[Data items]
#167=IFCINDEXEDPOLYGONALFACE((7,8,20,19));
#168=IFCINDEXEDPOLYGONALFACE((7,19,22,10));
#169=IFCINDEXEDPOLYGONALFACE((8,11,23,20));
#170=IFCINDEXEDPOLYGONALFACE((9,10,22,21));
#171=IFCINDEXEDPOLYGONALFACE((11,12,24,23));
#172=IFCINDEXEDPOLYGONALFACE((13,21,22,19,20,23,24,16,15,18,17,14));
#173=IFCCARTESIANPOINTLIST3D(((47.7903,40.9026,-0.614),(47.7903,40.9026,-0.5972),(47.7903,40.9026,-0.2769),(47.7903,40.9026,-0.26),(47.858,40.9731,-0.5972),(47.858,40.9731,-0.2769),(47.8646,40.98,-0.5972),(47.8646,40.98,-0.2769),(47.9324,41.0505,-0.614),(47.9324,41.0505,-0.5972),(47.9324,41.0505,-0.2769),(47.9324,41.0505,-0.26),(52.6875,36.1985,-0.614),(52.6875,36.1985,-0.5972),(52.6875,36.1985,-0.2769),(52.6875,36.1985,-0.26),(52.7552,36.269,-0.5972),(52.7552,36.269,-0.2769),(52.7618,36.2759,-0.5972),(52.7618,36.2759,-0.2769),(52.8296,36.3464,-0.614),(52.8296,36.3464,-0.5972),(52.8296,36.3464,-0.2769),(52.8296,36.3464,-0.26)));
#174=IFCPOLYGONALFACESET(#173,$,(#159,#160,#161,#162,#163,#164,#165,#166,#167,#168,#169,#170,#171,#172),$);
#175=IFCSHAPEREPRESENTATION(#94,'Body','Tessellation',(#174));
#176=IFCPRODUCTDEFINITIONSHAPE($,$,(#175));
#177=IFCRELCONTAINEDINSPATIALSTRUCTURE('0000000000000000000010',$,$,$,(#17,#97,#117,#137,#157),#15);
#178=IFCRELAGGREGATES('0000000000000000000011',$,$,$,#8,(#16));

**Work item**
Given the word "IFCINDEXEDPOLYGONALFACE", show every line of the records that contains it.

**Result below**
#167=IFCINDEXEDPOLYGONALFACE((7,8,20,19));
#168=IFCINDEXEDPOLYGONALFACE((7,19,22,10));
#169=IFCINDEXEDPOLYGONALFACE((8,11,23,20));
#170=IFCINDEXEDPOLYGONALFACE((9,10,22,21));
#171=IFCINDEXEDPOLYGONALFACE((11,12,24,23));
#172=IFCINDEXEDPOLYGONALFACE((13,21,22,19,20,23,24,16,15,18,17,14));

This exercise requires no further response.